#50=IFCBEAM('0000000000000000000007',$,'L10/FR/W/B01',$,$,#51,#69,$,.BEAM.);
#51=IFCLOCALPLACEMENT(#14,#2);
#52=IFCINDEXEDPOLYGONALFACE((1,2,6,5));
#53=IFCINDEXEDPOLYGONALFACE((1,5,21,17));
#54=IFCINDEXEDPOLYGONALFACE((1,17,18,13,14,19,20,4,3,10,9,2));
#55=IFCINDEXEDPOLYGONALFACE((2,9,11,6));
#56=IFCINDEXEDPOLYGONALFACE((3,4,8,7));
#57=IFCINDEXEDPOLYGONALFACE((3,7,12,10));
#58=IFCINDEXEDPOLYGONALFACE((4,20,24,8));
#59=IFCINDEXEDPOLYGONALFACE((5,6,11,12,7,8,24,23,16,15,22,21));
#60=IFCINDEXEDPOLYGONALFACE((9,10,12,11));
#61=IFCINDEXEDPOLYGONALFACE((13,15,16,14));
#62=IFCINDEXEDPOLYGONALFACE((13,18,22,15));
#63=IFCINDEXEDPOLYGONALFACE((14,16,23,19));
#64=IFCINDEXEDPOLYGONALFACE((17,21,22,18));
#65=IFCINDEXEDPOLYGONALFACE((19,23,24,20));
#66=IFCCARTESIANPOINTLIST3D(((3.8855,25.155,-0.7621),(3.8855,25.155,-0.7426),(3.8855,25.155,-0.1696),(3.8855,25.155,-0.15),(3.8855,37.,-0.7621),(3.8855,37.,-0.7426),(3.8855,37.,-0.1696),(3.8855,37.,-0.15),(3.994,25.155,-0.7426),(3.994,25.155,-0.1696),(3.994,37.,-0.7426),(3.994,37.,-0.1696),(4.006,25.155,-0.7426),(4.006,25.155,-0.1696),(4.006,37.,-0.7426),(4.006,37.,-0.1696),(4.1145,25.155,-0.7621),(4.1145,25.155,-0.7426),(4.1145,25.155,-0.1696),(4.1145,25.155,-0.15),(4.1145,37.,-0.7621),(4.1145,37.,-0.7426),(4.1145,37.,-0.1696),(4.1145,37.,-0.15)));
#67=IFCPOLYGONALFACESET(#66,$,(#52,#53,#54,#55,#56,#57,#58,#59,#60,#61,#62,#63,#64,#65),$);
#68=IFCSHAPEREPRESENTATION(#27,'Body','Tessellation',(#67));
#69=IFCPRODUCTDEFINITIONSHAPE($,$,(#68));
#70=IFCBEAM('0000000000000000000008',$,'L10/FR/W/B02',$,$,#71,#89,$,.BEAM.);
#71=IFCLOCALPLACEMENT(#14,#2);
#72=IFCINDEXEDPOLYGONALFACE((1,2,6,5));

==========

What you will do » The lines above that hold the word "IFCBEAM" should be found and copied out.

Response below »
#50=IFCBEAM('0000000000000000000007',$,'L10/FR/W/B01',$,$,#51,#69,$,.BEAM.);
#70=IFCBEAM('0000000000000000000008',$,'L10/FR/W/B02',$,$,#71,#89,$,.BEAM.);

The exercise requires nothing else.